Your answer must be a single number: how many lines of the data include "Tessellation".
** Task inputs follows **
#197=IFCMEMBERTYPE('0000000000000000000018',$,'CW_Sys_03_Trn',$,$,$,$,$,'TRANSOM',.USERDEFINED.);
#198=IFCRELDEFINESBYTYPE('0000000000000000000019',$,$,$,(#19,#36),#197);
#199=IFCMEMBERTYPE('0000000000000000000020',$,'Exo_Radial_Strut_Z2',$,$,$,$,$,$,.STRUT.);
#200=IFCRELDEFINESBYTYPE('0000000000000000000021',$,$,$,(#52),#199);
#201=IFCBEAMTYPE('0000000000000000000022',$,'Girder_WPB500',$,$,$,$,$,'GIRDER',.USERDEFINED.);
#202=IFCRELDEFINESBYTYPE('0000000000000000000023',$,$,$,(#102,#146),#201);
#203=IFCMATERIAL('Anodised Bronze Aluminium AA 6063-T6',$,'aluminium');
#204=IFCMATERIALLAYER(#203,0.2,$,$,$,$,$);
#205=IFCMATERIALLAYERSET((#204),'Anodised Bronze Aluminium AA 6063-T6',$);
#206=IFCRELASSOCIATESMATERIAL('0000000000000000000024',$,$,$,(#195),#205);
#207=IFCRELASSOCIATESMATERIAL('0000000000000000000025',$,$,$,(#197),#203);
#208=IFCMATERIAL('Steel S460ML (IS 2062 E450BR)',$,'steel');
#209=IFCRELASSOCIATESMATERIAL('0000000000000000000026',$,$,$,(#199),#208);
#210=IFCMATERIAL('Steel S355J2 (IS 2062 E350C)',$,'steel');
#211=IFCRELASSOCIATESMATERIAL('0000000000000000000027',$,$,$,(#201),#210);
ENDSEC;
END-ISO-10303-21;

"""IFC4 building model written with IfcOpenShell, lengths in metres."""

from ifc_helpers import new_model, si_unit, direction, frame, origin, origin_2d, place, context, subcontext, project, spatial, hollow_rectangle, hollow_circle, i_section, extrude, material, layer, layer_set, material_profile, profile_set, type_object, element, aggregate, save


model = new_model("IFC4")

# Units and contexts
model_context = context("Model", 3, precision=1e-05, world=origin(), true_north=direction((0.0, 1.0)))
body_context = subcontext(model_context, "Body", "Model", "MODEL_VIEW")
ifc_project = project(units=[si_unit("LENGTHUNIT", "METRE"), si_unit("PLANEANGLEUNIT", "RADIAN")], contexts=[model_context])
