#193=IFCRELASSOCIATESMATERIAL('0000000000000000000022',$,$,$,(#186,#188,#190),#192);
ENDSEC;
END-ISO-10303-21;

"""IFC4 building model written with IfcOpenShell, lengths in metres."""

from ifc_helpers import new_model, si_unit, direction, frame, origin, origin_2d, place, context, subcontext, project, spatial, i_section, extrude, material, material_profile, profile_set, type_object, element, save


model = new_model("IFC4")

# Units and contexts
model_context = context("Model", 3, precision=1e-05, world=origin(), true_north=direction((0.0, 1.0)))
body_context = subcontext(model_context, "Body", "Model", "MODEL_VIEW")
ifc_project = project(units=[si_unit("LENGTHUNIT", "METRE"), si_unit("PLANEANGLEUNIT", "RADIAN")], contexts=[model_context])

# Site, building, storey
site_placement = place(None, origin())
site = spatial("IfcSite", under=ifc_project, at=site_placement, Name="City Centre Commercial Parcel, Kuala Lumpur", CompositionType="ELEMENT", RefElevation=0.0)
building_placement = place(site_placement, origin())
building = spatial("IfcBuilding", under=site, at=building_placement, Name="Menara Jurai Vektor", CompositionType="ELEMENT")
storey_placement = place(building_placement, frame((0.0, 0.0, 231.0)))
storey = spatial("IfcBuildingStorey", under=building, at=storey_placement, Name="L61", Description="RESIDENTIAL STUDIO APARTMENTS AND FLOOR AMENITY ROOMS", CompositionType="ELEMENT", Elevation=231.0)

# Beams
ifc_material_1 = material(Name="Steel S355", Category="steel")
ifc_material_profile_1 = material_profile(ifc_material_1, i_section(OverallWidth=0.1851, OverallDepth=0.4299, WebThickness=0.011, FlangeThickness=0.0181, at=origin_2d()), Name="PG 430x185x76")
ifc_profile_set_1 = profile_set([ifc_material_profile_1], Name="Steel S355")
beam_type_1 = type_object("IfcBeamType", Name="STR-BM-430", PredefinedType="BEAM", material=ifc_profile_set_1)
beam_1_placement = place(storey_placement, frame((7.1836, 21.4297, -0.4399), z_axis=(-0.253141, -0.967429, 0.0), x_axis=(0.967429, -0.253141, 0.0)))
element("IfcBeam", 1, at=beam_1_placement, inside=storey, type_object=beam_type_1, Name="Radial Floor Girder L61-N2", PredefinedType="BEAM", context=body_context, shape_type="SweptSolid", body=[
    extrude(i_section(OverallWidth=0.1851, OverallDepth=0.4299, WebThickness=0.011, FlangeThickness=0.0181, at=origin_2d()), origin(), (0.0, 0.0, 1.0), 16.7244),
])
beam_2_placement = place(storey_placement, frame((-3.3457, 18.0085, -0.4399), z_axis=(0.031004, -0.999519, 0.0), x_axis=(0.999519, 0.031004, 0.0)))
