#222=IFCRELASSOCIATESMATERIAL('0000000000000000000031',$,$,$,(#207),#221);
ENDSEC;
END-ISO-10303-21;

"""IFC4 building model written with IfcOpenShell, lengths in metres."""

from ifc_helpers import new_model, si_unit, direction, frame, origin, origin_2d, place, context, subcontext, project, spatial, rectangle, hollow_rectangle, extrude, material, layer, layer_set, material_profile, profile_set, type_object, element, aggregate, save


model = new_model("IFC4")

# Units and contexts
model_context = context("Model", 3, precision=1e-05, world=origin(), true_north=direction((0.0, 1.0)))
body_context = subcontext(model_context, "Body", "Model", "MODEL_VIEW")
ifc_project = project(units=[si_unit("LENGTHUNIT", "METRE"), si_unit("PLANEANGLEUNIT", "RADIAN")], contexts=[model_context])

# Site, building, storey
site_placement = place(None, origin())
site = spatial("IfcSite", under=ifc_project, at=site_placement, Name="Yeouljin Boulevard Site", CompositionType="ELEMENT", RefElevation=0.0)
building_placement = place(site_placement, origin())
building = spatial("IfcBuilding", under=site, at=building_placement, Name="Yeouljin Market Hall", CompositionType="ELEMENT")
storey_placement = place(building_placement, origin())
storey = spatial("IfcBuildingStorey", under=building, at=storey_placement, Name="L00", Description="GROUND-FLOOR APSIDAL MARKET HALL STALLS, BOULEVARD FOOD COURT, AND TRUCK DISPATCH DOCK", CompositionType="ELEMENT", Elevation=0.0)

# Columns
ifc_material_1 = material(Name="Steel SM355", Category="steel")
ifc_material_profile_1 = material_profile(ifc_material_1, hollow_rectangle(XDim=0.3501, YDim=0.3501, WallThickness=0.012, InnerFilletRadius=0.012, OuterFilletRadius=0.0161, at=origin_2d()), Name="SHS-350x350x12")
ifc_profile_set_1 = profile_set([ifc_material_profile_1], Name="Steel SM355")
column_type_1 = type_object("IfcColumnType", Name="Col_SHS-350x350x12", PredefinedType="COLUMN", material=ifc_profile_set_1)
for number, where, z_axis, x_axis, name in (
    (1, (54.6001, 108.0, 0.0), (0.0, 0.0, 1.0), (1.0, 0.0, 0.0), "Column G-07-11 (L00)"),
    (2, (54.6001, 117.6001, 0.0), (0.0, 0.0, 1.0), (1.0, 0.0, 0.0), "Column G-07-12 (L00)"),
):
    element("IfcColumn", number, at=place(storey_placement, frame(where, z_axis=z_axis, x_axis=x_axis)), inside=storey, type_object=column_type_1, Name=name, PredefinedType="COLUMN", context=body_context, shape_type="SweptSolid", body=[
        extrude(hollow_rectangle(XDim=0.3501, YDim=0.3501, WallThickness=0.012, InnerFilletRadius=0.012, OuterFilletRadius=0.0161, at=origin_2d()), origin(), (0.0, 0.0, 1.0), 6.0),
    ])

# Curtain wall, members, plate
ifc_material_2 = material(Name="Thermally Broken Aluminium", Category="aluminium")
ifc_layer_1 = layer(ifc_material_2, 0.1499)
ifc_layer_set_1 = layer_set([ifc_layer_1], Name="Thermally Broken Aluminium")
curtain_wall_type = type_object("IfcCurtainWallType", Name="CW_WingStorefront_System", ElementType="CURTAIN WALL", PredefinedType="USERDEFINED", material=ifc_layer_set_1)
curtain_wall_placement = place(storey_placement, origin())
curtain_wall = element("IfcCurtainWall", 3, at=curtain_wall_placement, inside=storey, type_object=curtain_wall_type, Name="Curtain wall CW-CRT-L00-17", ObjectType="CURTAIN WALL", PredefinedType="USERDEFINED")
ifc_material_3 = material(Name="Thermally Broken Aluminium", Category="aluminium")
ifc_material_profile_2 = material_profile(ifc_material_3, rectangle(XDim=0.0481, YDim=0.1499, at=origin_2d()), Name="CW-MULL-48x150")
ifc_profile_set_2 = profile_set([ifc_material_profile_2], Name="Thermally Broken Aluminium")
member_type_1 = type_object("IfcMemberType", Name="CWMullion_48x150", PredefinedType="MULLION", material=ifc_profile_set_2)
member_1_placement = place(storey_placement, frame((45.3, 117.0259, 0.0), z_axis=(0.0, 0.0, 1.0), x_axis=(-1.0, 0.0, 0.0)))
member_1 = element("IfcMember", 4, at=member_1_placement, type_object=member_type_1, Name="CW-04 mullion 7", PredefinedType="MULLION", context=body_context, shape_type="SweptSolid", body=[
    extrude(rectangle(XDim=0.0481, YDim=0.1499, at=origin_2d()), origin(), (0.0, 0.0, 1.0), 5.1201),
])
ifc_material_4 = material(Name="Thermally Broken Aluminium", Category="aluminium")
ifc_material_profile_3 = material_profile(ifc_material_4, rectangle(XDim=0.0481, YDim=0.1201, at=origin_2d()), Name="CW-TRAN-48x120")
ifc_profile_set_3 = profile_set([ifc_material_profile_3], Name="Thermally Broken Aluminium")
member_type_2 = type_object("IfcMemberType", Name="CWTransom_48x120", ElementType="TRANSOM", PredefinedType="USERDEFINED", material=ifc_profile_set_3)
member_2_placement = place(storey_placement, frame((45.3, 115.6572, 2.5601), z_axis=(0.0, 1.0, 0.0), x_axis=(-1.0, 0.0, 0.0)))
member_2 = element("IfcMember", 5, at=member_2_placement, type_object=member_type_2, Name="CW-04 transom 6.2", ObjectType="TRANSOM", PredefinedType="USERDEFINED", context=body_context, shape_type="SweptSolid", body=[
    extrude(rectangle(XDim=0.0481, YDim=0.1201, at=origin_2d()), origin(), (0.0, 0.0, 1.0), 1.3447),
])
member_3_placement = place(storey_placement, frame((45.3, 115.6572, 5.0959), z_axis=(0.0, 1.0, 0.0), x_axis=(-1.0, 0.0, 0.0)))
** End of Task inputs **
** Task inputs follows **
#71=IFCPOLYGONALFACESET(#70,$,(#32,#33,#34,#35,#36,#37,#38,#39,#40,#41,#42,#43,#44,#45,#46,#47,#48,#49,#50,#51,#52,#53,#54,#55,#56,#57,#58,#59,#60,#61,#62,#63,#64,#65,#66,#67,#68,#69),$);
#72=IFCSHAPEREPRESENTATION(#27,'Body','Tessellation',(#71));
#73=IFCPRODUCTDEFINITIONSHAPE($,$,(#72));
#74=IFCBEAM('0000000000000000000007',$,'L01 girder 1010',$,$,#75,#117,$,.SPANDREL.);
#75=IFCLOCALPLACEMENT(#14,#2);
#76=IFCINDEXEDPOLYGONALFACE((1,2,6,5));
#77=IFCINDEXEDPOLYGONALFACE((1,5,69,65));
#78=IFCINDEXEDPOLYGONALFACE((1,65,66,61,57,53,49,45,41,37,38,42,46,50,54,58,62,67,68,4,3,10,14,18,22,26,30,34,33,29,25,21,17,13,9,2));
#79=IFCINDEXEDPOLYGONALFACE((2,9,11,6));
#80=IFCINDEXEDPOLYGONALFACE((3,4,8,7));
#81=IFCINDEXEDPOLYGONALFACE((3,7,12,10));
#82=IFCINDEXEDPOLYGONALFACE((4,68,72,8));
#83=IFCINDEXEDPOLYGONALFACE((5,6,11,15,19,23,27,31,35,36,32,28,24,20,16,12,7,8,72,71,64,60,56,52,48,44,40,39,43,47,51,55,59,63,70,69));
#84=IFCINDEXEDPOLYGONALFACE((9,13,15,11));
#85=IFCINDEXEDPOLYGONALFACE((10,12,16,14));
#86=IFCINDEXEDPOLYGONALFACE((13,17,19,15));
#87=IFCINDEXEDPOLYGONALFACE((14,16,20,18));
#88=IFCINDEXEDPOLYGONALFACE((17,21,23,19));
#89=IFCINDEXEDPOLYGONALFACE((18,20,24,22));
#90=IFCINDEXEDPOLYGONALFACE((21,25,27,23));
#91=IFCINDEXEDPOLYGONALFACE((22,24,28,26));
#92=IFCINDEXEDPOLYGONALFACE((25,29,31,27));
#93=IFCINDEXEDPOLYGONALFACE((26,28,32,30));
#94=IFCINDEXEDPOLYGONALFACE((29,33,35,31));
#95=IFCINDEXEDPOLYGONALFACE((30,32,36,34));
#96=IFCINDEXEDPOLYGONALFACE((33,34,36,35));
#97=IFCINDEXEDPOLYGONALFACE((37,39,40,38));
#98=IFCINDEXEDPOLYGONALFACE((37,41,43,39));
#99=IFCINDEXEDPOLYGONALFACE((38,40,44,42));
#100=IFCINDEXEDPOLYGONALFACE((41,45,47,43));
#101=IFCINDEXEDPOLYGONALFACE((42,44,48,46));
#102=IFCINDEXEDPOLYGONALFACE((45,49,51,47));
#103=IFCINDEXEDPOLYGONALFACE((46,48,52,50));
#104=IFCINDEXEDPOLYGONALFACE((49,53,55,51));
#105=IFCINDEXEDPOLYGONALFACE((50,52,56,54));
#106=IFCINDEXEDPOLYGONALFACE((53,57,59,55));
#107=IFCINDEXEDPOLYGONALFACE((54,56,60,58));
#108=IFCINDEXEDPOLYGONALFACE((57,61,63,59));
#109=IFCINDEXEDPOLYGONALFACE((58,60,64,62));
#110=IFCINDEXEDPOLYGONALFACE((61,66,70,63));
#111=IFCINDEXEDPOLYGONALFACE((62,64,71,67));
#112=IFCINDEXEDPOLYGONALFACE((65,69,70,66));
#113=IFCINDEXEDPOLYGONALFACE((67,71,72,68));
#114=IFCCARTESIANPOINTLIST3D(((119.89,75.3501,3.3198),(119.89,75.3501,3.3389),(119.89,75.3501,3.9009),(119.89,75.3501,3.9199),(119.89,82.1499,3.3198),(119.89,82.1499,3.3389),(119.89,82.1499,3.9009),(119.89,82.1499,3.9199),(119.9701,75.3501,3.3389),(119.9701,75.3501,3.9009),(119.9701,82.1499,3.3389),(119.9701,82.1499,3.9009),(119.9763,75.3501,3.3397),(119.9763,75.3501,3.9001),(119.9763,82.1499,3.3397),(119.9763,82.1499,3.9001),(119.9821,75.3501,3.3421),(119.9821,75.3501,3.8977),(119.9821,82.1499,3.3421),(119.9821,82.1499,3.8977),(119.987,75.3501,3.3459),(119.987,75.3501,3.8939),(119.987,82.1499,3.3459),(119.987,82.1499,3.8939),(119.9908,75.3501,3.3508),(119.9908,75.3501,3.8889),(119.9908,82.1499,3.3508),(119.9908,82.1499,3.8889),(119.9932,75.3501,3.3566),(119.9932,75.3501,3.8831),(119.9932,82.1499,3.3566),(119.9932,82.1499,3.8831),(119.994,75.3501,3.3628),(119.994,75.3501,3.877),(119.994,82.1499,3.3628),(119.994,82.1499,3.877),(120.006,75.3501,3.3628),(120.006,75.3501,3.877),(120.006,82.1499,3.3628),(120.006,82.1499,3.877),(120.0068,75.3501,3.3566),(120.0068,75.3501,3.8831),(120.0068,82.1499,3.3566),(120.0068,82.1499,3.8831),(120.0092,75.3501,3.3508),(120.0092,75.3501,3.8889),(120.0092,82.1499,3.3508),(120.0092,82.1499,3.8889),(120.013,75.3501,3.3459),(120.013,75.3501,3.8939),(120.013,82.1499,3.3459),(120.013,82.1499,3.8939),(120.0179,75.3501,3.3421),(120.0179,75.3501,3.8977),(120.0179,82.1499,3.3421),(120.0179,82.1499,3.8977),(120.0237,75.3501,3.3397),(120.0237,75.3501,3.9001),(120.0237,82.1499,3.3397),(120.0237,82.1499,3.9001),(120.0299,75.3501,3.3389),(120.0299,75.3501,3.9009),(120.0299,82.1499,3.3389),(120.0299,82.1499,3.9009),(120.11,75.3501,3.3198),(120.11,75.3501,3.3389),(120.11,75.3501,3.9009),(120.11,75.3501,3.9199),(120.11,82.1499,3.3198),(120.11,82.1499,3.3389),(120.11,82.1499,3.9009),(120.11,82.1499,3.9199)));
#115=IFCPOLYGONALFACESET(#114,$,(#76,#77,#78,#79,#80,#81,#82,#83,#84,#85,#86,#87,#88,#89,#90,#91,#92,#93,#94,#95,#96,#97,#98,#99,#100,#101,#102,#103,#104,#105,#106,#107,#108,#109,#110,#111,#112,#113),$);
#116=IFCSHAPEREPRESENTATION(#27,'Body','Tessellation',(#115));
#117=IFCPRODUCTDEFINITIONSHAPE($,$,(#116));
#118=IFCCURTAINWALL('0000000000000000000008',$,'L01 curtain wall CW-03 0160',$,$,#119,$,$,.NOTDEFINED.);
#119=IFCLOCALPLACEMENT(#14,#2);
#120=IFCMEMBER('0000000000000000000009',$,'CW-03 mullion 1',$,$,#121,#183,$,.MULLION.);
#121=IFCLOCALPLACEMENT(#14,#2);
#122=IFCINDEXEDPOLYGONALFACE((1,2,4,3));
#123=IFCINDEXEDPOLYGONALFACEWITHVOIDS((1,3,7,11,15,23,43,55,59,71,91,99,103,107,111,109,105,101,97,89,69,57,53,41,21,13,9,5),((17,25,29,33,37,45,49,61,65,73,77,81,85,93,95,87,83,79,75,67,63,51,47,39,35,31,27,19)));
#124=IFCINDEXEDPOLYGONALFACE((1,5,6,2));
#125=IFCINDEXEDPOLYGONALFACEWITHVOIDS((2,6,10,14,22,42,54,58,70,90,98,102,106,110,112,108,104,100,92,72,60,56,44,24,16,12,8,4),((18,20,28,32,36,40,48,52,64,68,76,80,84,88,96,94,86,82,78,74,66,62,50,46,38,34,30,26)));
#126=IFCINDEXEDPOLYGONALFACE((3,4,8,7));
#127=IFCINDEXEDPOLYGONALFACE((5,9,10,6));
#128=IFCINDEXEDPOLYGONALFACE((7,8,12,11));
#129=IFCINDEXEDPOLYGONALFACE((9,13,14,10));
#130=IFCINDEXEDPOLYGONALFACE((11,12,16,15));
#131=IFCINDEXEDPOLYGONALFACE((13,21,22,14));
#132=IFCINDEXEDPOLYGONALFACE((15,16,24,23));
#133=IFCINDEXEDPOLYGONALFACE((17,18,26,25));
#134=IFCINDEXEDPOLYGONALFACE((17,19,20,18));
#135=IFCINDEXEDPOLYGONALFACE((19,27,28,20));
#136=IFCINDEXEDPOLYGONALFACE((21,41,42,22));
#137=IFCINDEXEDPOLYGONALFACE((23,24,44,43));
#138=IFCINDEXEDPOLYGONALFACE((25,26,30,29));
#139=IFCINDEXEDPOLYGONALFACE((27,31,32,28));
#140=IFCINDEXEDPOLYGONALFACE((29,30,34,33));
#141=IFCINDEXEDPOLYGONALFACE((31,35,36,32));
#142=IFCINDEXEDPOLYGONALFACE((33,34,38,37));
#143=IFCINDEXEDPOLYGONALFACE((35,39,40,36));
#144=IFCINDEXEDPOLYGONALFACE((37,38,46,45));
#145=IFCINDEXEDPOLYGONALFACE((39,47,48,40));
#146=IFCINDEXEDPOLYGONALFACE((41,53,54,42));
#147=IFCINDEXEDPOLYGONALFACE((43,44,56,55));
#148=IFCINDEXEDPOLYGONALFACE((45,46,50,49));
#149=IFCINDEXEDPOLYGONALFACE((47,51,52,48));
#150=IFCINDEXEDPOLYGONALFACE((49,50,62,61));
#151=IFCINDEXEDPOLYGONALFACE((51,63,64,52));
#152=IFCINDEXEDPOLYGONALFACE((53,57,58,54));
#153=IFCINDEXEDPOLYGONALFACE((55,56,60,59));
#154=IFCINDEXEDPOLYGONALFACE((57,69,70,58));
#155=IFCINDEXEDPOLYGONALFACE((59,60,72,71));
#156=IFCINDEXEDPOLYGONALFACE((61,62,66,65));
** End of Task inputs **
** Task inputs follows **
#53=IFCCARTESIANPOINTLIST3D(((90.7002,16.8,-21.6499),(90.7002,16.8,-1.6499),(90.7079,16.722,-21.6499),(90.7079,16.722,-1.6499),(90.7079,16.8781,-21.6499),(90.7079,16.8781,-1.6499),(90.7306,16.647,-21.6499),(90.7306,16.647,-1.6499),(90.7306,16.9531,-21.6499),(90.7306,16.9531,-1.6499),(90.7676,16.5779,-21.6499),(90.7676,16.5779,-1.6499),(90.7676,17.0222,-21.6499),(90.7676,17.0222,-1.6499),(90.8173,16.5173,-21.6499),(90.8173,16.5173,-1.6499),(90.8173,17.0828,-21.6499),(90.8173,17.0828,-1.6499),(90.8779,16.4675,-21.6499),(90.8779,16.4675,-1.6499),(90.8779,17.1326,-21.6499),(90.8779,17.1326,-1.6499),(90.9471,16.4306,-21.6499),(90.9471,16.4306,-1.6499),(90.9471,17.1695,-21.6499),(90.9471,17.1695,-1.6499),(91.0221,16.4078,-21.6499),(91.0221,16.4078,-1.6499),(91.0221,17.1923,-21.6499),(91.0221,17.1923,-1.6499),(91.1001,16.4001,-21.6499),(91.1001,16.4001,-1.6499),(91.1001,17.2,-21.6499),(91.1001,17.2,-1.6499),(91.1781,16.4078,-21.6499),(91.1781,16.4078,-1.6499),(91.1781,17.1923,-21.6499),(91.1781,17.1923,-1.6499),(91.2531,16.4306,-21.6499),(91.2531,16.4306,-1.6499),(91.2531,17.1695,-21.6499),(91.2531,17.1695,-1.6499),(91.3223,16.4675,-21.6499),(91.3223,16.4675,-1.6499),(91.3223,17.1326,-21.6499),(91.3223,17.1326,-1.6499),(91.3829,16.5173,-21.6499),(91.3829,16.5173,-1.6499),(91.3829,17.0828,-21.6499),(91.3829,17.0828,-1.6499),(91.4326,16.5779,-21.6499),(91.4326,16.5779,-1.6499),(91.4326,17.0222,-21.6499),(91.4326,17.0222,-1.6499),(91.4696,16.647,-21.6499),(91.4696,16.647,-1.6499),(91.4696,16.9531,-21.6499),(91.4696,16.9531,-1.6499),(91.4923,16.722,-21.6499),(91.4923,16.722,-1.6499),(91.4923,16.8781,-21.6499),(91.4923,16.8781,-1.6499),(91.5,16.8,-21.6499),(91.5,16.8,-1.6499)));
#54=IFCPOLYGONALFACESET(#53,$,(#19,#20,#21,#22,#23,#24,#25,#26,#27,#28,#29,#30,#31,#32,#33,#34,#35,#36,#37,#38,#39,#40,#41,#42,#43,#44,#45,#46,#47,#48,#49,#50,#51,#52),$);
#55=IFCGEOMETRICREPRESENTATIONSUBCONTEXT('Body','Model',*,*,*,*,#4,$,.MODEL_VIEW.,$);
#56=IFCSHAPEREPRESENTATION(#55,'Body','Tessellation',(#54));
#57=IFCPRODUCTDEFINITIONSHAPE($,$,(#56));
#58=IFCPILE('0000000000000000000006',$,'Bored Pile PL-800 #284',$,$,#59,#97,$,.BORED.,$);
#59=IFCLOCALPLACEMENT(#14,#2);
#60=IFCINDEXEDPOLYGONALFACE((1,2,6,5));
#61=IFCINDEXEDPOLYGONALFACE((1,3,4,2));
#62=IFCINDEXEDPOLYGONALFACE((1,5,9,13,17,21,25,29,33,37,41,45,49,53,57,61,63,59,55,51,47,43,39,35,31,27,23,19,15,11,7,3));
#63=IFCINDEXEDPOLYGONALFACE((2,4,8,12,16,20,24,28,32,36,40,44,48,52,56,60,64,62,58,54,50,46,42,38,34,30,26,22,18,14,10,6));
** End of Task inputs **
Solution for this task >> 3